### Instructions for the task
The line with "#215=IFCMATERIALLAYER(#209,0.22,$,'Concrete C45/55',$,$,$);", the line with "building model written", and all lines between them in the material below: return these exactly, and no others.

### Records for processing
○ ○ ○
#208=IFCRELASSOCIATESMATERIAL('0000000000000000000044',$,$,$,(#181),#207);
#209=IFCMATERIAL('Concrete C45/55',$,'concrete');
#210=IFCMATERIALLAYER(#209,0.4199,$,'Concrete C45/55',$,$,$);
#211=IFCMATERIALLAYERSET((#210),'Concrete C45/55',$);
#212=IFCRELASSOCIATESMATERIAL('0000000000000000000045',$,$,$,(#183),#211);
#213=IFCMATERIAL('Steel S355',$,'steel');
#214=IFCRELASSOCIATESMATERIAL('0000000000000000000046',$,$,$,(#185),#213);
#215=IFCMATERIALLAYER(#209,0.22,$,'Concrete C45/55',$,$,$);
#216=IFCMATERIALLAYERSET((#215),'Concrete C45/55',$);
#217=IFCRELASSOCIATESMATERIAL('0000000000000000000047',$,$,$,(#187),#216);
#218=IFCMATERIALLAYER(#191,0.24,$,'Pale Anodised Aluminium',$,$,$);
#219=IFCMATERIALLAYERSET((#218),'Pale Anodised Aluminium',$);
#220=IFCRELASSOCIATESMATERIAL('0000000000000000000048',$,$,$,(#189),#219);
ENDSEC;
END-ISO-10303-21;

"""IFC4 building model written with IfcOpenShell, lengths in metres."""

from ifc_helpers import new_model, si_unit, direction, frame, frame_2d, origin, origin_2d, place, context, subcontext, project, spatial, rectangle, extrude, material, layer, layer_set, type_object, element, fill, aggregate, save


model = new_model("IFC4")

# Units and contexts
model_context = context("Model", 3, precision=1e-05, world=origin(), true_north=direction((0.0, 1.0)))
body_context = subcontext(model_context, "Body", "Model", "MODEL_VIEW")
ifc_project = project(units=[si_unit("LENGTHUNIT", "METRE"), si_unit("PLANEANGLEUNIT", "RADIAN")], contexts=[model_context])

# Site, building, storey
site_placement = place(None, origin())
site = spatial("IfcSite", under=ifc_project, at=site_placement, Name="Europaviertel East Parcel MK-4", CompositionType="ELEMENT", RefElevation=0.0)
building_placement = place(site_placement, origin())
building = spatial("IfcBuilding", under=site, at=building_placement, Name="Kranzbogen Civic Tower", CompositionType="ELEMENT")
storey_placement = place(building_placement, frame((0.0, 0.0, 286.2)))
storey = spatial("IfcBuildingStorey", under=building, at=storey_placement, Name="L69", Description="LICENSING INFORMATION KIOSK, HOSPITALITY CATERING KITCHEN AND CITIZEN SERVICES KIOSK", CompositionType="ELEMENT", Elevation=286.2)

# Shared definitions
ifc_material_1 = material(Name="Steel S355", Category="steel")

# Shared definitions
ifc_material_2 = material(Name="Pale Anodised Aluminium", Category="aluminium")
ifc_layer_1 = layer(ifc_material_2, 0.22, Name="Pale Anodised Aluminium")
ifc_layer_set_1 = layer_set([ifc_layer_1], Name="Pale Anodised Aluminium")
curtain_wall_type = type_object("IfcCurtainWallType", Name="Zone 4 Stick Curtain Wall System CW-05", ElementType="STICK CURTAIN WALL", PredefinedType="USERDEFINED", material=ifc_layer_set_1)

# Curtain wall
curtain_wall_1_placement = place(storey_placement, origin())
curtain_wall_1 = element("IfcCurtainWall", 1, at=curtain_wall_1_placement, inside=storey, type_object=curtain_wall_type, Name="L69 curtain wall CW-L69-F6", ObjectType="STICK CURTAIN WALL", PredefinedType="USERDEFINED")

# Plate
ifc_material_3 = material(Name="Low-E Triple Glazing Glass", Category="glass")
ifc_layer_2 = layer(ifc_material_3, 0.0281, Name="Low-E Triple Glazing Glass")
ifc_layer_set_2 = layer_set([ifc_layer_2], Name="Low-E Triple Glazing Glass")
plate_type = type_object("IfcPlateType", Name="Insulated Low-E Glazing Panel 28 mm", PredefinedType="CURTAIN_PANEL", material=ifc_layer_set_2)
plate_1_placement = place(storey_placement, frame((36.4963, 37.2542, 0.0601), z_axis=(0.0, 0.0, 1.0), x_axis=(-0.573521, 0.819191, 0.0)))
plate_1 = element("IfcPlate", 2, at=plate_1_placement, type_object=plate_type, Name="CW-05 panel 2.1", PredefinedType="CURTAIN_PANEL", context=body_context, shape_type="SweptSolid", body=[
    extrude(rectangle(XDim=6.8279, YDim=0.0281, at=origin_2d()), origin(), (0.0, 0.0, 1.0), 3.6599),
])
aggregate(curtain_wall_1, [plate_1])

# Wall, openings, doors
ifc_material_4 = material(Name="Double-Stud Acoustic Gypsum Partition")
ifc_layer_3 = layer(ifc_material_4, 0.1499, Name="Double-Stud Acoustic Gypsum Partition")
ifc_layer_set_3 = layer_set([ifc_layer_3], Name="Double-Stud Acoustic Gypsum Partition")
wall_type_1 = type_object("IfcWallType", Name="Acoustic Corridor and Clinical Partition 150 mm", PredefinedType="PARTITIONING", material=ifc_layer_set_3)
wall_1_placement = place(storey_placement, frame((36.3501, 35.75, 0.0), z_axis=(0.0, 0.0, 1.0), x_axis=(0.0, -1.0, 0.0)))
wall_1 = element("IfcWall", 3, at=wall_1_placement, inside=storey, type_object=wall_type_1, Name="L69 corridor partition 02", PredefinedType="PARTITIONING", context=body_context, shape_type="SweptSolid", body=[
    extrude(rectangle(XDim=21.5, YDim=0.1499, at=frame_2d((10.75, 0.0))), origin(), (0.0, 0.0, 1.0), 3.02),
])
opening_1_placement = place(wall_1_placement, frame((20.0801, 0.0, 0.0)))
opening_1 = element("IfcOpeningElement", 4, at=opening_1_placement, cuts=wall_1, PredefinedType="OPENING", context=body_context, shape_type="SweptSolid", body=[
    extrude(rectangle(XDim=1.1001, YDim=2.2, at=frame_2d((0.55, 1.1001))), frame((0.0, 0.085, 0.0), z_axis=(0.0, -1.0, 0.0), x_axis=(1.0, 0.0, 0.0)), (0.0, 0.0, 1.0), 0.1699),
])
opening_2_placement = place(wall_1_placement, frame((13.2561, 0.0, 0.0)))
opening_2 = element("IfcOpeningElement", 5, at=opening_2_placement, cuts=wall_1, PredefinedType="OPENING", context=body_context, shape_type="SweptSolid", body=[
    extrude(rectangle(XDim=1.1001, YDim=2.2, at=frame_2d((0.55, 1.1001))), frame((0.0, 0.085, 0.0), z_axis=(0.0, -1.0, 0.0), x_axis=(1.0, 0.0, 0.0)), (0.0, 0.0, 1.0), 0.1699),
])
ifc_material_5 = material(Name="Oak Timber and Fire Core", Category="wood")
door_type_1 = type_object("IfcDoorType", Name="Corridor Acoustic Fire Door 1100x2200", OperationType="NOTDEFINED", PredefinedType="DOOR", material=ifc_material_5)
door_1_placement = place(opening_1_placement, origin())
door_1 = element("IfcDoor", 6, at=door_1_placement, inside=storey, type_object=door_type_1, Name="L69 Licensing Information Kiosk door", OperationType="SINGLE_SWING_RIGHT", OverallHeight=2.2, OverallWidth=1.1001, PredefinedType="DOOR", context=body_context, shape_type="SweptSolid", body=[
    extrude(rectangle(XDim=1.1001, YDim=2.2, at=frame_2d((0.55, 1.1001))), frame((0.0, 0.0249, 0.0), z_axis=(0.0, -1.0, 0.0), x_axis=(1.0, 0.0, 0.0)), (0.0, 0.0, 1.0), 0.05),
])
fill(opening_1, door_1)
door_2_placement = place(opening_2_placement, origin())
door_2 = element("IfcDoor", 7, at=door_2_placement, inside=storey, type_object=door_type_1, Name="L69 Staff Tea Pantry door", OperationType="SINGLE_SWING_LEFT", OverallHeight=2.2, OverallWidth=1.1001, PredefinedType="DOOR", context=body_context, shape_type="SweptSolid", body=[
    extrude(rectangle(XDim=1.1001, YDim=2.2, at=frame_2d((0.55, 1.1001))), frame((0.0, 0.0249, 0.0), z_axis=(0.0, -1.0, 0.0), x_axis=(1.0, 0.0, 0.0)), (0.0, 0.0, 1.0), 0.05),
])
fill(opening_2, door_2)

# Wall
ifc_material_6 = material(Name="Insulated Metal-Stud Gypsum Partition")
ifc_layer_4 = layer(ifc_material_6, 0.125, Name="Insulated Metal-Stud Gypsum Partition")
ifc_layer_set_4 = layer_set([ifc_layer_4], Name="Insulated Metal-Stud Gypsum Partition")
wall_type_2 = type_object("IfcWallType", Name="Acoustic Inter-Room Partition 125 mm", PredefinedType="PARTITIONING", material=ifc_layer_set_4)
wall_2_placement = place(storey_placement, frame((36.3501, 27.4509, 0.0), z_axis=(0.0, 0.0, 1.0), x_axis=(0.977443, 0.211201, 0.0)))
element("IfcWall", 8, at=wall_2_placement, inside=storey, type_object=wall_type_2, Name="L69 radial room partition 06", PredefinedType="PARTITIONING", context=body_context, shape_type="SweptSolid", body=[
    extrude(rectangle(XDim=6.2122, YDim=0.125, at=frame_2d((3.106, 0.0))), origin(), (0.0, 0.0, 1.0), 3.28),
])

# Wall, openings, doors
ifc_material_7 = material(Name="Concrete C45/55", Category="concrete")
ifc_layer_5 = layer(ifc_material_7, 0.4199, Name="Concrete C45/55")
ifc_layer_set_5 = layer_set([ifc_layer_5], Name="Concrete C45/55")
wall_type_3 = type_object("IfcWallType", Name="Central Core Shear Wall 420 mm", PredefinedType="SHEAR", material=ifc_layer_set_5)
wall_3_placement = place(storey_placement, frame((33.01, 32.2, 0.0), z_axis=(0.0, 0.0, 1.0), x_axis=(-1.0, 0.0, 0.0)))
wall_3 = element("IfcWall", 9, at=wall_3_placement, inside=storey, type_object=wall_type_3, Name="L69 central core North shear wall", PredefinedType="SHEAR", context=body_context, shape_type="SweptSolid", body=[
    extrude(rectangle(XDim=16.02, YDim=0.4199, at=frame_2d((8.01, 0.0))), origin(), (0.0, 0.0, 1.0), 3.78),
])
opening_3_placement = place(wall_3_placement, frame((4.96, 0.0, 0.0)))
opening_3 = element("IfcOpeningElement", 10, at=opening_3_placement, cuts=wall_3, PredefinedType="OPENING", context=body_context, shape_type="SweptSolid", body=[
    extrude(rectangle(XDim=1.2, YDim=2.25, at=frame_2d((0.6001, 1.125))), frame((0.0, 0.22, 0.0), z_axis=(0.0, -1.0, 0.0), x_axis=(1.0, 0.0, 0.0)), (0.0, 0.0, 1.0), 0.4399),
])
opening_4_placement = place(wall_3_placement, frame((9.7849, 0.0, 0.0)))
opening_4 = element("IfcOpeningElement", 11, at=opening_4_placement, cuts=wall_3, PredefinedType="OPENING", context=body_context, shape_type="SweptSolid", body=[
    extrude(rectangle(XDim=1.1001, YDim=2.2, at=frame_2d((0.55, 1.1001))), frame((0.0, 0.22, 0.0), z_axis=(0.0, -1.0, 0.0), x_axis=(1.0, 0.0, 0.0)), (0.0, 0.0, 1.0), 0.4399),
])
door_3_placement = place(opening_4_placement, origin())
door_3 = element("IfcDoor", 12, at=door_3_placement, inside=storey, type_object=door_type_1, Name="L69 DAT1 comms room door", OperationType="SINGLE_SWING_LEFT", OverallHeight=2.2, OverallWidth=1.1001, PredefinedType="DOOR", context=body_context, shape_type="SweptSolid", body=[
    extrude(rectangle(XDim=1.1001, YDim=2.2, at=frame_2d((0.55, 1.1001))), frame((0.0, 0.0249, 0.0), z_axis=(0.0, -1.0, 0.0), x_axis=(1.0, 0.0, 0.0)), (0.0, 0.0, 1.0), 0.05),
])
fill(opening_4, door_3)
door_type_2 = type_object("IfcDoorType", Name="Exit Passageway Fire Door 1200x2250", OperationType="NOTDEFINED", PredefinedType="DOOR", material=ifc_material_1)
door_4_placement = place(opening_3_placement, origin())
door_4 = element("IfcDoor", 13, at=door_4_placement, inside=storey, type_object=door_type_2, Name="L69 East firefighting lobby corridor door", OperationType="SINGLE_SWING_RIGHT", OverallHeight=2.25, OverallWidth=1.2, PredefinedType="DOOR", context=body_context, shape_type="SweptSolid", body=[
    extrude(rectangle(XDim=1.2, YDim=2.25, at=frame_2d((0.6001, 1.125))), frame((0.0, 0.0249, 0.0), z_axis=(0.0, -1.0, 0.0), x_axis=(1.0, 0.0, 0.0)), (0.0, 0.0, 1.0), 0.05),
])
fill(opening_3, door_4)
○ ○ ○
### Output of the task
#215=IFCMATERIALLAYER(#209,0.22,$,'Concrete C45/55',$,$,$);
#216=IFCMATERIALLAYERSET((#215),'Concrete C45/55',$);
#217=IFCRELASSOCIATESMATERIAL('0000000000000000000047',$,$,$,(#187),#216);
#218=IFCMATERIALLAYER(#191,0.24,$,'Pale Anodised Aluminium',$,$,$);
#219=IFCMATERIALLAYERSET((#218),'Pale Anodised Aluminium',$);
#220=IFCRELASSOCIATESMATERIAL('0000000000000000000048',$,$,$,(#189),#219);
ENDSEC;
END-ISO-10303-21;

"""IFC4 building model written with IfcOpenShell, lengths in metres."""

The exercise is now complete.